What to work on ->
Only the lines from the top of the following listing through the line with "#59=IFCINDEXEDPOLYGONALFACE((2,6,8,4));" belong in your answer, exactly as written.

___ Supplied data ___

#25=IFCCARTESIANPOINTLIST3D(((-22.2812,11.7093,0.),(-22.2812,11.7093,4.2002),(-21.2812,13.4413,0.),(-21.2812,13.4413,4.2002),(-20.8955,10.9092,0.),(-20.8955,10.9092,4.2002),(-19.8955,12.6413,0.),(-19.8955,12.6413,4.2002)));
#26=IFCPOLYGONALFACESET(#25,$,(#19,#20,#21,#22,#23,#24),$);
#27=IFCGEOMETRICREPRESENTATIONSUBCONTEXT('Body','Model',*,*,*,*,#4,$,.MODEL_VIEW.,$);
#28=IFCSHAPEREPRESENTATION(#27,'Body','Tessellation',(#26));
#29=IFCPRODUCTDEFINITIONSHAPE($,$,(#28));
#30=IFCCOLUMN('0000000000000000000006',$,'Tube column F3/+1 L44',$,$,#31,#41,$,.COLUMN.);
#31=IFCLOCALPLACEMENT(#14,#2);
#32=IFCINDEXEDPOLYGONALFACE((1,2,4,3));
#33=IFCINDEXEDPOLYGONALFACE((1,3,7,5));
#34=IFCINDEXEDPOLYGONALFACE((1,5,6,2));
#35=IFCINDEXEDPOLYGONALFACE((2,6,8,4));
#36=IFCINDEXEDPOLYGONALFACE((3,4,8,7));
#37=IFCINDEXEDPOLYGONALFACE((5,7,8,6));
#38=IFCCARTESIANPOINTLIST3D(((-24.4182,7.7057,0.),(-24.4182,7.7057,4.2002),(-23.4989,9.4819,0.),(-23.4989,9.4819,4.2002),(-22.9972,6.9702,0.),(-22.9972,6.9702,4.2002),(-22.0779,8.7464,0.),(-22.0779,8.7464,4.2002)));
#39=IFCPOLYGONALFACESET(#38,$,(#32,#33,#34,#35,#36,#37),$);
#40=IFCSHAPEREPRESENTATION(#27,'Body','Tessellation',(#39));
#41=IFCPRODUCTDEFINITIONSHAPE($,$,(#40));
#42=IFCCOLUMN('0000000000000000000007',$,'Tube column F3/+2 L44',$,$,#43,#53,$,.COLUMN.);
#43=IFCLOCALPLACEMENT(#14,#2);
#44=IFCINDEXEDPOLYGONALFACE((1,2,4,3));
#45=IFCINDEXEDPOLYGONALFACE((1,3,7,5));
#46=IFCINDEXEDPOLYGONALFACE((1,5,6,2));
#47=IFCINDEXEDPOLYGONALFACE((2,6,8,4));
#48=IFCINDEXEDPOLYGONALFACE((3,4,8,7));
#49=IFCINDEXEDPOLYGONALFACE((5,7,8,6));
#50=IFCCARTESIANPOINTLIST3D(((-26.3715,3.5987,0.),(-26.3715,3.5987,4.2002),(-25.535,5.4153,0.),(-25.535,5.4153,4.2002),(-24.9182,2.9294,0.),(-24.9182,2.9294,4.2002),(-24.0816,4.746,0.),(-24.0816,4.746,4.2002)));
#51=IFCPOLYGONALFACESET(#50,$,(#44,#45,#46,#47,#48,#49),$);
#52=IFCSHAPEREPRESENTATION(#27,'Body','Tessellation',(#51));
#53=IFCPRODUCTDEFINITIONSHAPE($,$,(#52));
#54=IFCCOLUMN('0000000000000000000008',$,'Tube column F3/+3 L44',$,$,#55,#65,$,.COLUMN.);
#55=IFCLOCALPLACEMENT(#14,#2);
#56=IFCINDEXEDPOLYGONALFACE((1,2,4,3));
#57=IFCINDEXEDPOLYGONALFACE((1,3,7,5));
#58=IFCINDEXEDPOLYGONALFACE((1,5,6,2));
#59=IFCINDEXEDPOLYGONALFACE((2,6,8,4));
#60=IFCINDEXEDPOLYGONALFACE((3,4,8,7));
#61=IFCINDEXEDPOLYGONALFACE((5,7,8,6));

___

Solution to the problem ->
#25=IFCCARTESIANPOINTLIST3D(((-22.2812,11.7093,0.),(-22.2812,11.7093,4.2002),(-21.2812,13.4413,0.),(-21.2812,13.4413,4.2002),(-20.8955,10.9092,0.),(-20.8955,10.9092,4.2002),(-19.8955,12.6413,0.),(-19.8955,12.6413,4.2002)));
#26=IFCPOLYGONALFACESET(#25,$,(#19,#20,#21,#22,#23,#24),$);
#27=IFCGEOMETRICREPRESENTATIONSUBCONTEXT('Body','Model',*,*,*,*,#4,$,.MODEL_VIEW.,$);
#28=IFCSHAPEREPRESENTATION(#27,'Body','Tessellation',(#26));
#29=IFCPRODUCTDEFINITIONSHAPE($,$,(#28));
#30=IFCCOLUMN('0000000000000000000006',$,'Tube column F3/+1 L44',$,$,#31,#41,$,.COLUMN.);
#31=IFCLOCALPLACEMENT(#14,#2);
#32=IFCINDEXEDPOLYGONALFACE((1,2,4,3));
#33=IFCINDEXEDPOLYGONALFACE((1,3,7,5));
#34=IFCINDEXEDPOLYGONALFACE((1,5,6,2));
#35=IFCINDEXEDPOLYGONALFACE((2,6,8,4));
#36=IFCINDEXEDPOLYGONALFACE((3,4,8,7));
#37=IFCINDEXEDPOLYGONALFACE((5,7,8,6));
#38=IFCCARTESIANPOINTLIST3D(((-24.4182,7.7057,0.),(-24.4182,7.7057,4.2002),(-23.4989,9.4819,0.),(-23.4989,9.4819,4.2002),(-22.9972,6.9702,0.),(-22.9972,6.9702,4.2002),(-22.0779,8.7464,0.),(-22.0779,8.7464,4.2002)));
#39=IFCPOLYGONALFACESET(#38,$,(#32,#33,#34,#35,#36,#37),$);
#40=IFCSHAPEREPRESENTATION(#27,'Body','Tessellation',(#39));
#41=IFCPRODUCTDEFINITIONSHAPE($,$,(#40));
#42=IFCCOLUMN('0000000000000000000007',$,'Tube column F3/+2 L44',$,$,#43,#53,$,.COLUMN.);
#43=IFCLOCALPLACEMENT(#14,#2);
#44=IFCINDEXEDPOLYGONALFACE((1,2,4,3));
#45=IFCINDEXEDPOLYGONALFACE((1,3,7,5));
#46=IFCINDEXEDPOLYGONALFACE((1,5,6,2));
#47=IFCINDEXEDPOLYGONALFACE((2,6,8,4));
#48=IFCINDEXEDPOLYGONALFACE((3,4,8,7));
#49=IFCINDEXEDPOLYGONALFACE((5,7,8,6));
#50=IFCCARTESIANPOINTLIST3D(((-26.3715,3.5987,0.),(-26.3715,3.5987,4.2002),(-25.535,5.4153,0.),(-25.535,5.4153,4.2002),(-24.9182,2.9294,0.),(-24.9182,2.9294,4.2002),(-24.0816,4.746,0.),(-24.0816,4.746,4.2002)));
#51=IFCPOLYGONALFACESET(#50,$,(#44,#45,#46,#47,#48,#49),$);
#52=IFCSHAPEREPRESENTATION(#27,'Body','Tessellation',(#51));
#53=IFCPRODUCTDEFINITIONSHAPE($,$,(#52));
#54=IFCCOLUMN('0000000000000000000008',$,'Tube column F3/+3 L44',$,$,#55,#65,$,.COLUMN.);
#55=IFCLOCALPLACEMENT(#14,#2);
#56=IFCINDEXEDPOLYGONALFACE((1,2,4,3));
#57=IFCINDEXEDPOLYGONALFACE((1,3,7,5));
#58=IFCINDEXEDPOLYGONALFACE((1,5,6,2));
#59=IFCINDEXEDPOLYGONALFACE((2,6,8,4));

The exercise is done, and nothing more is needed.